(Dataset entries)
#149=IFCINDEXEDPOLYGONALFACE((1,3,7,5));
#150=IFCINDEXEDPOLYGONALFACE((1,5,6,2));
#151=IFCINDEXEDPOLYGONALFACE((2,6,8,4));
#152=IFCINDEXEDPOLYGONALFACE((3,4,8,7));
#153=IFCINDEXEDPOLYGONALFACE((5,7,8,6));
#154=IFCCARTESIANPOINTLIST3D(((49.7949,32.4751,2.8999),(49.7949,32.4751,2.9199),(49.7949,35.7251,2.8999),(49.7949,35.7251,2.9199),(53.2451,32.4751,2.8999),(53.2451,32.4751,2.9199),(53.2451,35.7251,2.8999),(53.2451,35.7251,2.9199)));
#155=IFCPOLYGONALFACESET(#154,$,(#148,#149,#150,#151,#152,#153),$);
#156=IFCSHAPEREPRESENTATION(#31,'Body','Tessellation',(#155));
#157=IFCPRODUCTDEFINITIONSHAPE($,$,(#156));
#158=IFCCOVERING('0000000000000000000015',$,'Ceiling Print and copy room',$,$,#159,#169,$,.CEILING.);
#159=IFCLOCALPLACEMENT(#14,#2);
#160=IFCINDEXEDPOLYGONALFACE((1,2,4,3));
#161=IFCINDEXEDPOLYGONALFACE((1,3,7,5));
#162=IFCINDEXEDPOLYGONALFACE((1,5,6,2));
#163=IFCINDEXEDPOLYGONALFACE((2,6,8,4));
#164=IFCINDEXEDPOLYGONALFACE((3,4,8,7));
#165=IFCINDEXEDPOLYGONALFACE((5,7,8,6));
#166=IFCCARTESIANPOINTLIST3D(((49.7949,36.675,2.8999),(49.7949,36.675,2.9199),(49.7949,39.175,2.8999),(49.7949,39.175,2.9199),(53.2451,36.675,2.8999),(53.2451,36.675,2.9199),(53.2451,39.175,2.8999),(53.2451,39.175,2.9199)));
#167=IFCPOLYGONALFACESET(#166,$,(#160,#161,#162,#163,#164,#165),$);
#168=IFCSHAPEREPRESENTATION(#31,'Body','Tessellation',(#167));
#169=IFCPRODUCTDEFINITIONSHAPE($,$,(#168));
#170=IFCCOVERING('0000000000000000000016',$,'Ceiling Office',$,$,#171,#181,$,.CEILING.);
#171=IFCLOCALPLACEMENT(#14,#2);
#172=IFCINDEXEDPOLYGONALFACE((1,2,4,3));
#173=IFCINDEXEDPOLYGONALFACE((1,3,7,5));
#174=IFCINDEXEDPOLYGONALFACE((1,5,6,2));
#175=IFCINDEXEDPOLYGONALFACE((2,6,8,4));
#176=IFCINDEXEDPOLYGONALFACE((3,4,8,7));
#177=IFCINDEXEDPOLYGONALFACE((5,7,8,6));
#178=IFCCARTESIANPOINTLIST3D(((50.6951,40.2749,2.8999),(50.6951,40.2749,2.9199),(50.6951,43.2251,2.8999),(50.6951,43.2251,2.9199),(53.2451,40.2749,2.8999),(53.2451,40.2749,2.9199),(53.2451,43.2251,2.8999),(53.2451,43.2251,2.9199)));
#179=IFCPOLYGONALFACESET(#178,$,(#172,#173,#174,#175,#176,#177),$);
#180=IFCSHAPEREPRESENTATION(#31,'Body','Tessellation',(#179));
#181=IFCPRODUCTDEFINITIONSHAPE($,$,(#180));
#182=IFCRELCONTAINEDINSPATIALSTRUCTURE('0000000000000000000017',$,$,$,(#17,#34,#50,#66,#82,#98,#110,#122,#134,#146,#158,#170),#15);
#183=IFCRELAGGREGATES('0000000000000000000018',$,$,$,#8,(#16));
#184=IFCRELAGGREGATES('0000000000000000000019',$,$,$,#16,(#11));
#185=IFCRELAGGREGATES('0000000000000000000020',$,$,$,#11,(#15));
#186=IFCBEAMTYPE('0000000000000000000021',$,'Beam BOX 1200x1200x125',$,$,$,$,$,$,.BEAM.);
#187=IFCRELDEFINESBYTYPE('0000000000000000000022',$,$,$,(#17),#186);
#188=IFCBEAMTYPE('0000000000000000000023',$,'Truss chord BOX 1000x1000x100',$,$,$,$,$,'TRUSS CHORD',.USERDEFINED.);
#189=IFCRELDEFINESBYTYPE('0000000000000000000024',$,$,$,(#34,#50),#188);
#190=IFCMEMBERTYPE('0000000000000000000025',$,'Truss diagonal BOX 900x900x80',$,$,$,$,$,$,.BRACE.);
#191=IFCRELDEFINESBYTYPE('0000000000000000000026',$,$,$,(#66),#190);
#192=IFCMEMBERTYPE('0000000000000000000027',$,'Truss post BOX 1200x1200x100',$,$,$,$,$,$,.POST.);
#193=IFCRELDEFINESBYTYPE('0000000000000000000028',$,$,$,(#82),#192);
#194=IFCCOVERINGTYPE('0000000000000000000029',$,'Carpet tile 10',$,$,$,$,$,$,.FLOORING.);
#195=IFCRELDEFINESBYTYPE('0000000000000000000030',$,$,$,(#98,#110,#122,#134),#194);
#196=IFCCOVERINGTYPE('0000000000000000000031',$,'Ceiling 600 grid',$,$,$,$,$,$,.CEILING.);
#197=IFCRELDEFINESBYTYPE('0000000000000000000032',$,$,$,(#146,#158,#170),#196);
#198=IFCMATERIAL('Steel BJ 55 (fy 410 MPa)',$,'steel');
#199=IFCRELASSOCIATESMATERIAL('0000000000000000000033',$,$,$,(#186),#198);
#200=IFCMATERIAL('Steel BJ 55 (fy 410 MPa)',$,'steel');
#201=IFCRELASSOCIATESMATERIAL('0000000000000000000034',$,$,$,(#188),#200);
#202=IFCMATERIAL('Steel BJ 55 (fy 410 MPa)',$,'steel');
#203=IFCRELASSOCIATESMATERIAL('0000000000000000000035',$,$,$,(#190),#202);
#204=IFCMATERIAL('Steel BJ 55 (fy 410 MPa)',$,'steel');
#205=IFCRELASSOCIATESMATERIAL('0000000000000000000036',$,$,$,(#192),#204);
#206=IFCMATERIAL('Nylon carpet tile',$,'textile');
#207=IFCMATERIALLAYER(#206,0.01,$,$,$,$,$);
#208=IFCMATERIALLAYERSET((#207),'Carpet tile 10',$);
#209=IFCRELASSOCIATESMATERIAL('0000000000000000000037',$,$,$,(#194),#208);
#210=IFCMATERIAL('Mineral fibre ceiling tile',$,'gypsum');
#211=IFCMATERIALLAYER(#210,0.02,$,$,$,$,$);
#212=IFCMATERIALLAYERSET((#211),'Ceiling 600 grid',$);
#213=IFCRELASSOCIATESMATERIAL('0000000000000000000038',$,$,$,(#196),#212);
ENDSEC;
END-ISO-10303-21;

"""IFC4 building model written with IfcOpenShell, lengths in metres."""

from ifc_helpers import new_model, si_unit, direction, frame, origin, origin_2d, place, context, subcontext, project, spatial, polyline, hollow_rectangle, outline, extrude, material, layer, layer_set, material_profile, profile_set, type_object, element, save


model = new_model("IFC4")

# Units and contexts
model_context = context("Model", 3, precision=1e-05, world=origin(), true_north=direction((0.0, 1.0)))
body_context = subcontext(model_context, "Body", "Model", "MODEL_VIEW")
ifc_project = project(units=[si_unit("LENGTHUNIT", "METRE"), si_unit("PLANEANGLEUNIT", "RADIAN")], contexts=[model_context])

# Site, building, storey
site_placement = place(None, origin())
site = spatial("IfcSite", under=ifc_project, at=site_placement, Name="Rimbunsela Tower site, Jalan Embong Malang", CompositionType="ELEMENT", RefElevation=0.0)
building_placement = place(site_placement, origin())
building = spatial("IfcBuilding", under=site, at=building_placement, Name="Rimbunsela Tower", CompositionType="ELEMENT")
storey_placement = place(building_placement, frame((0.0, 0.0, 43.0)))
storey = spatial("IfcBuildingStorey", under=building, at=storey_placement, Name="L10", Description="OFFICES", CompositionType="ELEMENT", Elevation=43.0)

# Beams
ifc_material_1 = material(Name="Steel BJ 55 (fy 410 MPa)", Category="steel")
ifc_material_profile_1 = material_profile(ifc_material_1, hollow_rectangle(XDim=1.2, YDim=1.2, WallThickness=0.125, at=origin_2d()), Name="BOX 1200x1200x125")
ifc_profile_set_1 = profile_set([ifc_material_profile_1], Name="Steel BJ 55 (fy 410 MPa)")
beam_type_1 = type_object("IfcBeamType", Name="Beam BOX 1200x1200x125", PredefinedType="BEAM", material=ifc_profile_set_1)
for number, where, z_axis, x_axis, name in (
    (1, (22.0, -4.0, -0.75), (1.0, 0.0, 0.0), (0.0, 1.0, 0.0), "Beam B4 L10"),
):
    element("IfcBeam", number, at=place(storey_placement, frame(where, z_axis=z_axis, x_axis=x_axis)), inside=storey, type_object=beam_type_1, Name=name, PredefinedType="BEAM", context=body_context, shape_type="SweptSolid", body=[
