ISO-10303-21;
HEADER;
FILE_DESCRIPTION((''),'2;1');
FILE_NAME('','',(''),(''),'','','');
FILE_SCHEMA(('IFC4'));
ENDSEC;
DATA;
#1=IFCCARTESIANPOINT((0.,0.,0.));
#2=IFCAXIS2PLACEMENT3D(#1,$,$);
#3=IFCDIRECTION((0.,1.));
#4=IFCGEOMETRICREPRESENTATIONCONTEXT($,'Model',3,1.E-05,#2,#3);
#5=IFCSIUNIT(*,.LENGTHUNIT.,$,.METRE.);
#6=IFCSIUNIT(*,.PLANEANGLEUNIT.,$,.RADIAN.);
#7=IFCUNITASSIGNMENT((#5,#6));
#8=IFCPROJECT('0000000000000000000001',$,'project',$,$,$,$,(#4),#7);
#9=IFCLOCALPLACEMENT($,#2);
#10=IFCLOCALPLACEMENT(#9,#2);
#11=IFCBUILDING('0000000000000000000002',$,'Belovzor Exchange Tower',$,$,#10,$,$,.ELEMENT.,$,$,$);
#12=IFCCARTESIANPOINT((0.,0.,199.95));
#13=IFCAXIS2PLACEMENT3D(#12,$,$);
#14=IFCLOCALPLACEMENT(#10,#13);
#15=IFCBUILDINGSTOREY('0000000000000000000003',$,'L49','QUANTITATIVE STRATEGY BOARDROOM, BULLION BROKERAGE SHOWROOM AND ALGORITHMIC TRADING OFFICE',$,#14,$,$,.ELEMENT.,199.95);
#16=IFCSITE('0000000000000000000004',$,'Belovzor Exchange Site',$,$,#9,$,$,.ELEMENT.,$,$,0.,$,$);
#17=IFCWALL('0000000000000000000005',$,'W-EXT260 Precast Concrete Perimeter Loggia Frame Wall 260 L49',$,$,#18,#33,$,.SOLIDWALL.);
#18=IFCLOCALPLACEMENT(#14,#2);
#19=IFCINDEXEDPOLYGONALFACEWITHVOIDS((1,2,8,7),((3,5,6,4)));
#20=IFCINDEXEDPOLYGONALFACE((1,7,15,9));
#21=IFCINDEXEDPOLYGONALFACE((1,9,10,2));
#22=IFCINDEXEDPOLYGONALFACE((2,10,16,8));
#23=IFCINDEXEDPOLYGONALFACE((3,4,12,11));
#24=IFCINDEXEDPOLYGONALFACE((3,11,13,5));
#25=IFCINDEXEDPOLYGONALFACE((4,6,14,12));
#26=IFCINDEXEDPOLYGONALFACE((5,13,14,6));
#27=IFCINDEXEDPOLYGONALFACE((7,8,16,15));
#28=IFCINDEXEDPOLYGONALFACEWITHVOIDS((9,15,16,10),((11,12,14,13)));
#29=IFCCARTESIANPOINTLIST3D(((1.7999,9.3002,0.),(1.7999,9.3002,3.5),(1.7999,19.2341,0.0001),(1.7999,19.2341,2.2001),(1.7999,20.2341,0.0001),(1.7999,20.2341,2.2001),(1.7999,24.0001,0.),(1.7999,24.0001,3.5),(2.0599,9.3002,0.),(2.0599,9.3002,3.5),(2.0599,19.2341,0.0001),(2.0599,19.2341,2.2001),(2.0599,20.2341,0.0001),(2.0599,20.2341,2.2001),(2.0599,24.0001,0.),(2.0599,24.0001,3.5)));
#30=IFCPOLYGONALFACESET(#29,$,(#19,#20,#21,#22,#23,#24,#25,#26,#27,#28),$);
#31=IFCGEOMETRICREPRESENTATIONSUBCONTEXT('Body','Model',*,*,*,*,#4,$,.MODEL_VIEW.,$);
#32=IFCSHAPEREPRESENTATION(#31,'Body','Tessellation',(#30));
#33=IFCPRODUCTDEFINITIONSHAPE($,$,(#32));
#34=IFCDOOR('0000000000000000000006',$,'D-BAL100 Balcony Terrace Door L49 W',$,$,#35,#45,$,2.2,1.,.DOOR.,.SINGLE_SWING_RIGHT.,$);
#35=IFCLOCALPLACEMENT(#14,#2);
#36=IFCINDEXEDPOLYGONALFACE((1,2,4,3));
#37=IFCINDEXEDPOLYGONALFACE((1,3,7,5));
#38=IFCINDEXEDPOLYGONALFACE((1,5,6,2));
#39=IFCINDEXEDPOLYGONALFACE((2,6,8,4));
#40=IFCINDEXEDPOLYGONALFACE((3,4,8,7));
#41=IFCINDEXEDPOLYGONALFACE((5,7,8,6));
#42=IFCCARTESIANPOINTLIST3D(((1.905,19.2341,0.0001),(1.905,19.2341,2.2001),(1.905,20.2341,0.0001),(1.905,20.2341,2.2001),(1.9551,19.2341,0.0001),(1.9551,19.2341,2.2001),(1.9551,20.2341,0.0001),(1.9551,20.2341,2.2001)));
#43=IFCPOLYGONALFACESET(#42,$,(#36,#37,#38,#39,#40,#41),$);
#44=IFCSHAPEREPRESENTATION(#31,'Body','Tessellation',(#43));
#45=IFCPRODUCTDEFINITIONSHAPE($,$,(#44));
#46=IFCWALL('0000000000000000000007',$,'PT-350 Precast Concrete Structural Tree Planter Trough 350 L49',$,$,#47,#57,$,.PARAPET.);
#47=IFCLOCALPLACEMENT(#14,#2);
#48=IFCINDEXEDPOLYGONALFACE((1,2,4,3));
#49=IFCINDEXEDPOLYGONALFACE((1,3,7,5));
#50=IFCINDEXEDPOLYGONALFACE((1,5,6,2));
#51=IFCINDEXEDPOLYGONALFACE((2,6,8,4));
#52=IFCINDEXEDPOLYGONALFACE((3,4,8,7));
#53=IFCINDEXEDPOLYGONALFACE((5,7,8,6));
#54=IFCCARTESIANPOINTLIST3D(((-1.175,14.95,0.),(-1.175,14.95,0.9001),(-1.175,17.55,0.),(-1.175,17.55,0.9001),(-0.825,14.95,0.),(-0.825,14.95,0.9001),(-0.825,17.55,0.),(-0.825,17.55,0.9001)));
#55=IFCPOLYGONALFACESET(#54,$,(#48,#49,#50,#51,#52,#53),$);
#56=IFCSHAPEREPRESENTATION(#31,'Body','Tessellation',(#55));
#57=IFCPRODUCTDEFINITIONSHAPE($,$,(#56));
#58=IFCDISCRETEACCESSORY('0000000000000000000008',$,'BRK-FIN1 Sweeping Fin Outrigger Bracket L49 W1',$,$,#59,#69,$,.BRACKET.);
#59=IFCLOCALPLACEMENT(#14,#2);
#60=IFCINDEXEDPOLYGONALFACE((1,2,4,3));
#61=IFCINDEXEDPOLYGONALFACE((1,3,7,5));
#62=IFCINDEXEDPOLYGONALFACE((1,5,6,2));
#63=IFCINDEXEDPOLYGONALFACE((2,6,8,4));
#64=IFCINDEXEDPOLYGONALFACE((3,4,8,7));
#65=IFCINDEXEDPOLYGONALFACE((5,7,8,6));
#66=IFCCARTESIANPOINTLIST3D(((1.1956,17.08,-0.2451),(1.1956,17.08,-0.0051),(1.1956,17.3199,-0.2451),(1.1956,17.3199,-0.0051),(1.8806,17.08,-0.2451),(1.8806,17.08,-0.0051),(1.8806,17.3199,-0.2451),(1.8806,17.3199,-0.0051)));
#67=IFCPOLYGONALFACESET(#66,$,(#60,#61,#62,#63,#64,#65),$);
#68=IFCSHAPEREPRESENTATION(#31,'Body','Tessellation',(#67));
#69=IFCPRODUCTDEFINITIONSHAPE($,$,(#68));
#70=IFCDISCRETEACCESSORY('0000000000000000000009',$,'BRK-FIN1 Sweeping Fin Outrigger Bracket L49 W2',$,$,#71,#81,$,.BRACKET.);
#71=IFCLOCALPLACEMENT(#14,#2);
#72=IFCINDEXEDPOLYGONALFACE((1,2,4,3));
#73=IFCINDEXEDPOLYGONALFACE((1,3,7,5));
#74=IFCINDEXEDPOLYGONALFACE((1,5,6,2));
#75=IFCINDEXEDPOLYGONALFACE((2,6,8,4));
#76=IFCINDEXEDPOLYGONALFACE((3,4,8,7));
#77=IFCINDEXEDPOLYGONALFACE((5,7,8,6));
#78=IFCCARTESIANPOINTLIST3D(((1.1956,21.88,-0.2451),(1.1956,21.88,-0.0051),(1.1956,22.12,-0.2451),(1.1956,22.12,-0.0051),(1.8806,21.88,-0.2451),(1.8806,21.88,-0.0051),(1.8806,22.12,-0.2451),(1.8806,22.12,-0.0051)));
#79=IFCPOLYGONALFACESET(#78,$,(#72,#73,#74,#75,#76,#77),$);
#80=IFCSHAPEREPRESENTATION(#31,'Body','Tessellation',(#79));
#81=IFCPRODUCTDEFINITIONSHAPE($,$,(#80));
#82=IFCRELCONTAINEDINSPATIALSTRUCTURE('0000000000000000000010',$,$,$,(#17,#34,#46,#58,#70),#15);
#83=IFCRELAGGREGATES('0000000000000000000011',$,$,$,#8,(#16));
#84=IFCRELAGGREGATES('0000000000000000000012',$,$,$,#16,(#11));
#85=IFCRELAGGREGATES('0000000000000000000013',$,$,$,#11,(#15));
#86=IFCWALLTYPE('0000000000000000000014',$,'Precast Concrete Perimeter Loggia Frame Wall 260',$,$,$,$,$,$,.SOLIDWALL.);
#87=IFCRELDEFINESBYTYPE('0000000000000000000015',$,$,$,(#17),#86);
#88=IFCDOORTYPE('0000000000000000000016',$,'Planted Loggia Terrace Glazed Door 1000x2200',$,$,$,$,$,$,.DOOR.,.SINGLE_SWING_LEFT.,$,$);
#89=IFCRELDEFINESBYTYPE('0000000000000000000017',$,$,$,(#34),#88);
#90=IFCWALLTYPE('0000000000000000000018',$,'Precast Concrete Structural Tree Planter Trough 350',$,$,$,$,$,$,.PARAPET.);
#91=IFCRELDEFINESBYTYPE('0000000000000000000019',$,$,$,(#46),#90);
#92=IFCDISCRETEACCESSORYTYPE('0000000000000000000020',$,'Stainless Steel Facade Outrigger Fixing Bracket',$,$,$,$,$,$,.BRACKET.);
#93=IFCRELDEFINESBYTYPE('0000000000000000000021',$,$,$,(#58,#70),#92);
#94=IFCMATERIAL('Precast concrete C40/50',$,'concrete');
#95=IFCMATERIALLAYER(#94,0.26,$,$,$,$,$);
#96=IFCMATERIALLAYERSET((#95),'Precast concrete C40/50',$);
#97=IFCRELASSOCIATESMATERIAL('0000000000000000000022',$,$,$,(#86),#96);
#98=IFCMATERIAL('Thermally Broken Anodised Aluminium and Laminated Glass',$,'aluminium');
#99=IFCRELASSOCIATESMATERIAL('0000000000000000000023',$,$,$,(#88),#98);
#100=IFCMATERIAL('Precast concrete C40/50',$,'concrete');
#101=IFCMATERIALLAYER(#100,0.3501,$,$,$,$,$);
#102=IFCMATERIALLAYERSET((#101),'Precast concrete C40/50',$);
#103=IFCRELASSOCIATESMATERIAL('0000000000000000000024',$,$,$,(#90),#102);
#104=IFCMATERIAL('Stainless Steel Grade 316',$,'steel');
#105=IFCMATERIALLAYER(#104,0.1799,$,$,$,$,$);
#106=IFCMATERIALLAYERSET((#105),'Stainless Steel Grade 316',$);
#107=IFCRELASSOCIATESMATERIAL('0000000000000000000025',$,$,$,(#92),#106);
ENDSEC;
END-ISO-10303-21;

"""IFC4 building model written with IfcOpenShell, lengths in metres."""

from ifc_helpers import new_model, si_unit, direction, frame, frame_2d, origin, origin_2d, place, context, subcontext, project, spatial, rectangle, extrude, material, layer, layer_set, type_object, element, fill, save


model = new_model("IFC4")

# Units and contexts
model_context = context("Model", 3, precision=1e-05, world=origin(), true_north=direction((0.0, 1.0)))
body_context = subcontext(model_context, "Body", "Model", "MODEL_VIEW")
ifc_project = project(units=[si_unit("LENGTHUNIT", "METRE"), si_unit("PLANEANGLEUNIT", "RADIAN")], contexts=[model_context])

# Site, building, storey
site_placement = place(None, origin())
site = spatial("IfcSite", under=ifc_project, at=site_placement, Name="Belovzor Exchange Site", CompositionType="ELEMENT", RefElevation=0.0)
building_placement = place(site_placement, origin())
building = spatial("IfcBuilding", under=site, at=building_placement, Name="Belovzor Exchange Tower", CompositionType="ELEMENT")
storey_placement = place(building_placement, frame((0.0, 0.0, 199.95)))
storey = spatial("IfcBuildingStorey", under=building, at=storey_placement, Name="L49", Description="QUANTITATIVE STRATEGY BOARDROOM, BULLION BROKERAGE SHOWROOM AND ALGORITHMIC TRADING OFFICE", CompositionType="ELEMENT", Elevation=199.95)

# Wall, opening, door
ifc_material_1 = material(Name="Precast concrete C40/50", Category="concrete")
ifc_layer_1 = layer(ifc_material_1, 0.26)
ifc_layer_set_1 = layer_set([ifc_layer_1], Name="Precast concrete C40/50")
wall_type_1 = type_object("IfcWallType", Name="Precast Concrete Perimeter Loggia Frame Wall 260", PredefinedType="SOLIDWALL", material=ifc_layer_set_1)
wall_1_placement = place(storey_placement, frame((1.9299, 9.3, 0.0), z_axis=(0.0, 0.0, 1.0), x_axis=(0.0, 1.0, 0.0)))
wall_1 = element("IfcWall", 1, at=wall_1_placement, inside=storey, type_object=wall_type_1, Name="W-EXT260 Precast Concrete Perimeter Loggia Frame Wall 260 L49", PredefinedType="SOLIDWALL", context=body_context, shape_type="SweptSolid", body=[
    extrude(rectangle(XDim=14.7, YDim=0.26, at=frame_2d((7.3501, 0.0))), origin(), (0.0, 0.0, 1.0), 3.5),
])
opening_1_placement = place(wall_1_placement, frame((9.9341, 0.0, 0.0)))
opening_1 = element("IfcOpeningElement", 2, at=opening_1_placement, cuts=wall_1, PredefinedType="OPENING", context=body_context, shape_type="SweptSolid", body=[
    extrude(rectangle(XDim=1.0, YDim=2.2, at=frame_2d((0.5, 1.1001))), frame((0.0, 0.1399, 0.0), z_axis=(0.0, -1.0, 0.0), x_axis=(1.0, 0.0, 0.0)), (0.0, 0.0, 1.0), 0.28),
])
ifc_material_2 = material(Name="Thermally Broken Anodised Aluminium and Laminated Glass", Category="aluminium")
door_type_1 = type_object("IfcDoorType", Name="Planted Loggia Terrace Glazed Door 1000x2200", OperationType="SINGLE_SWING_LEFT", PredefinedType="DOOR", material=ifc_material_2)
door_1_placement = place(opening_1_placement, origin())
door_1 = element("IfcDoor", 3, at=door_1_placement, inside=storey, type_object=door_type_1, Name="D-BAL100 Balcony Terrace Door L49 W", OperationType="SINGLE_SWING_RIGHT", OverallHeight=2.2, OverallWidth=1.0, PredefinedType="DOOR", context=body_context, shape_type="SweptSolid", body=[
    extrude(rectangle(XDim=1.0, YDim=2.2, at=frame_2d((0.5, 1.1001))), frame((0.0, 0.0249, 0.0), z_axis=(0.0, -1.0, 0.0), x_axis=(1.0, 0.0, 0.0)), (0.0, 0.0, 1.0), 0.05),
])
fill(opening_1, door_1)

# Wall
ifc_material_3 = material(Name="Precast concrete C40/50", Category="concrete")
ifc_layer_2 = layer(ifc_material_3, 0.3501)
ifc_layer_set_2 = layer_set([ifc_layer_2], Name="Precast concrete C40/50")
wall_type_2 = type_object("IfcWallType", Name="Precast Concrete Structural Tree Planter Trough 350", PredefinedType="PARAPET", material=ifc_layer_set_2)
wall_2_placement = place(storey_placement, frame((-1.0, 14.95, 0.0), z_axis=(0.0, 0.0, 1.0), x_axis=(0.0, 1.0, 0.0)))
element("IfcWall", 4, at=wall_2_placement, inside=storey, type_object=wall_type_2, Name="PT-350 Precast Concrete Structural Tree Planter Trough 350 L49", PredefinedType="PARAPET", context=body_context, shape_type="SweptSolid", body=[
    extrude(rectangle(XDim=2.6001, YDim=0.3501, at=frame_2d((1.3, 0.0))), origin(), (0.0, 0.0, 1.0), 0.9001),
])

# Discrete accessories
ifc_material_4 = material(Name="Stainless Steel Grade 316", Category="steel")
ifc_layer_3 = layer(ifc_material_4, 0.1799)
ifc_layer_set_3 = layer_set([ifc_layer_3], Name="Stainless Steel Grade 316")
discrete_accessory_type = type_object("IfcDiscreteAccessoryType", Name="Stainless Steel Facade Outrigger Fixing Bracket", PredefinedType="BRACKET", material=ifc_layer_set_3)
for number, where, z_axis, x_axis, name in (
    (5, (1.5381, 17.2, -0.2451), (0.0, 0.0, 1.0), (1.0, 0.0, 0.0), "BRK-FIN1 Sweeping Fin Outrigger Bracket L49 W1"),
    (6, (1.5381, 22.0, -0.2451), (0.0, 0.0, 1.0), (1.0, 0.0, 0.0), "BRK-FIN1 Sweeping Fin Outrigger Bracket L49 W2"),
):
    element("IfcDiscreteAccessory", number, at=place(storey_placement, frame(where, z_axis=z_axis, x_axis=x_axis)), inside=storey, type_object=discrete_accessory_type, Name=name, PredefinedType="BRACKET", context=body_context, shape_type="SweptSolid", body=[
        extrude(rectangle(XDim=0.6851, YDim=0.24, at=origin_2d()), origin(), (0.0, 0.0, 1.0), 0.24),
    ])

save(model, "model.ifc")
(End Dataset entries)
--- Instructions for the task ---
How many of the lines above contain the string "IFCRELDEFINESBYTYPE"? Give the number only.

--- Solution ---
10